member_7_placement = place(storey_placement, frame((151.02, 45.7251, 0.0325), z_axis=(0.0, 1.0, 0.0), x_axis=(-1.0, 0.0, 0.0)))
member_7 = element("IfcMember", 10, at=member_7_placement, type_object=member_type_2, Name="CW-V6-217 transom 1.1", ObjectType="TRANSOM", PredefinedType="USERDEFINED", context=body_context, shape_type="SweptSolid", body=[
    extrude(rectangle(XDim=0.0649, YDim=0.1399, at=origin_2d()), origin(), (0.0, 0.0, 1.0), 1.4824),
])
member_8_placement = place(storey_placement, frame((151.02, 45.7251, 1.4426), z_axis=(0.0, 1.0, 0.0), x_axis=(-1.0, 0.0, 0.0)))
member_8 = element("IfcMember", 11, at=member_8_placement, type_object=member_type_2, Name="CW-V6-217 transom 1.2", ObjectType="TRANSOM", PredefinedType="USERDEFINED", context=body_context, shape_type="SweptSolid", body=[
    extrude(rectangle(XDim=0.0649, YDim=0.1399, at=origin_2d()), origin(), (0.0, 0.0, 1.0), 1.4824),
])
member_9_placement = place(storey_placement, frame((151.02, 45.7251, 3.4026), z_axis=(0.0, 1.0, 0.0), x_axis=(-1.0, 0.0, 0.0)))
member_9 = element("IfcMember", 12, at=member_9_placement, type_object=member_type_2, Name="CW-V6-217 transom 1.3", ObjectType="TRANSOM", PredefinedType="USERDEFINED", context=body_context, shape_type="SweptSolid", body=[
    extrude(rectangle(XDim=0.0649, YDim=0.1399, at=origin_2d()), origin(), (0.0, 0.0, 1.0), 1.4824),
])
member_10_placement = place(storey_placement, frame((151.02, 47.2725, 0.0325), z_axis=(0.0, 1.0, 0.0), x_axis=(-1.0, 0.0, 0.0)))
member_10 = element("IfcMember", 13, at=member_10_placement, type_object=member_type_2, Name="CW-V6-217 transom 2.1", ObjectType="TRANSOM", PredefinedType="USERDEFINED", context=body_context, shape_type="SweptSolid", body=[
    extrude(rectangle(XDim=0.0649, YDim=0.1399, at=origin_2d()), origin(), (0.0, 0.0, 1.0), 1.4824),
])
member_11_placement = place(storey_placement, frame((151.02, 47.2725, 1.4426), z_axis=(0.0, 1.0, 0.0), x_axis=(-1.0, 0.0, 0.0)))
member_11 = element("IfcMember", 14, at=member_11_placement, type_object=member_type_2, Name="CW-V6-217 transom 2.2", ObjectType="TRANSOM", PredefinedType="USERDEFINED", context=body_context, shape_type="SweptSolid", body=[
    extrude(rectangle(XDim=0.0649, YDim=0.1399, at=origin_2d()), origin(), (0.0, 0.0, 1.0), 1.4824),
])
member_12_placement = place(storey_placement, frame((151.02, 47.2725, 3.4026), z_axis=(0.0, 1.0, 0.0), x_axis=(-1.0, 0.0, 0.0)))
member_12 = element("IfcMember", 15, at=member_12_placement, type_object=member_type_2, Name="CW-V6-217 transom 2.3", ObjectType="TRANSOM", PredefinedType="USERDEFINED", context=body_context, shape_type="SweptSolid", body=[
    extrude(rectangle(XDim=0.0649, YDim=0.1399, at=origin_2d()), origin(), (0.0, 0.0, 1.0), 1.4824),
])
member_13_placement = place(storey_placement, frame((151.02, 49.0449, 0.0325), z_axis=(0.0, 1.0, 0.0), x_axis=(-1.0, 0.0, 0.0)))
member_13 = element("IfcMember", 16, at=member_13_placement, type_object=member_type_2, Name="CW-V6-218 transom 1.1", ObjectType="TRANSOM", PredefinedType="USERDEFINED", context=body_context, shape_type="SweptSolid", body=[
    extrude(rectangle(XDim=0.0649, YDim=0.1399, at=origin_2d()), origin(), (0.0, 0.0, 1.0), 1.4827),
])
──────────────────────────────
All of the entries above are to be written out again exactly.

member_7_placement = place(storey_placement, frame((151.02, 45.7251, 0.0325), z_axis=(0.0, 1.0, 0.0), x_axis=(-1.0, 0.0, 0.0)))
member_7 = element("IfcMember", 10, at=member_7_placement, type_object=member_type_2, Name="CW-V6-217 transom 1.1", ObjectType="TRANSOM", PredefinedType="USERDEFINED", context=body_context, shape_type="SweptSolid", body=[
    extrude(rectangle(XDim=0.0649, YDim=0.1399, at=origin_2d()), origin(), (0.0, 0.0, 1.0), 1.4824),
])
member_8_placement = place(storey_placement, frame((151.02, 45.7251, 1.4426), z_axis=(0.0, 1.0, 0.0), x_axis=(-1.0, 0.0, 0.0)))
member_8 = element("IfcMember", 11, at=member_8_placement, type_object=member_type_2, Name="CW-V6-217 transom 1.2", ObjectType="TRANSOM", PredefinedType="USERDEFINED", context=body_context, shape_type="SweptSolid", body=[
    extrude(rectangle(XDim=0.0649, YDim=0.1399, at=origin_2d()), origin(), (0.0, 0.0, 1.0), 1.4824),
])
member_9_placement = place(storey_placement, frame((151.02, 45.7251, 3.4026), z_axis=(0.0, 1.0, 0.0), x_axis=(-1.0, 0.0, 0.0)))
member_9 = element("IfcMember", 12, at=member_9_placement, type_object=member_type_2, Name="CW-V6-217 transom 1.3", ObjectType="TRANSOM", PredefinedType="USERDEFINED", context=body_context, shape_type="SweptSolid", body=[
    extrude(rectangle(XDim=0.0649, YDim=0.1399, at=origin_2d()), origin(), (0.0, 0.0, 1.0), 1.4824),
])
member_10_placement = place(storey_placement, frame((151.02, 47.2725, 0.0325), z_axis=(0.0, 1.0, 0.0), x_axis=(-1.0, 0.0, 0.0)))
member_10 = element("IfcMember", 13, at=member_10_placement, type_object=member_type_2, Name="CW-V6-217 transom 2.1", ObjectType="TRANSOM", PredefinedType="USERDEFINED", context=body_context, shape_type="SweptSolid", body=[
    extrude(rectangle(XDim=0.0649, YDim=0.1399, at=origin_2d()), origin(), (0.0, 0.0, 1.0), 1.4824),
])
member_11_placement = place(storey_placement, frame((151.02, 47.2725, 1.4426), z_axis=(0.0, 1.0, 0.0), x_axis=(-1.0, 0.0, 0.0)))
member_11 = element("IfcMember", 14, at=member_11_placement, type_object=member_type_2, Name="CW-V6-217 transom 2.2", ObjectType="TRANSOM", PredefinedType="USERDEFINED", context=body_context, shape_type="SweptSolid", body=[
    extrude(rectangle(XDim=0.0649, YDim=0.1399, at=origin_2d()), origin(), (0.0, 0.0, 1.0), 1.4824),
])
member_12_placement = place(storey_placement, frame((151.02, 47.2725, 3.4026), z_axis=(0.0, 1.0, 0.0), x_axis=(-1.0, 0.0, 0.0)))
member_12 = element("IfcMember", 15, at=member_12_placement, type_object=member_type_2, Name="CW-V6-217 transom 2.3", ObjectType="TRANSOM", PredefinedType="USERDEFINED", context=body_context, shape_type="SweptSolid", body=[
    extrude(rectangle(XDim=0.0649, YDim=0.1399, at=origin_2d()), origin(), (0.0, 0.0, 1.0), 1.4824),
])
member_13_placement = place(storey_placement, frame((151.02, 49.0449, 0.0325), z_axis=(0.0, 1.0, 0.0), x_axis=(-1.0, 0.0, 0.0)))
member_13 = element("IfcMember", 16, at=member_13_placement, type_object=member_type_2, Name="CW-V6-218 transom 1.1", ObjectType="TRANSOM", PredefinedType="USERDEFINED", context=body_context, shape_type="SweptSolid", body=[
    extrude(rectangle(XDim=0.0649, YDim=0.1399, at=origin_2d()), origin(), (0.0, 0.0, 1.0), 1.4827),
])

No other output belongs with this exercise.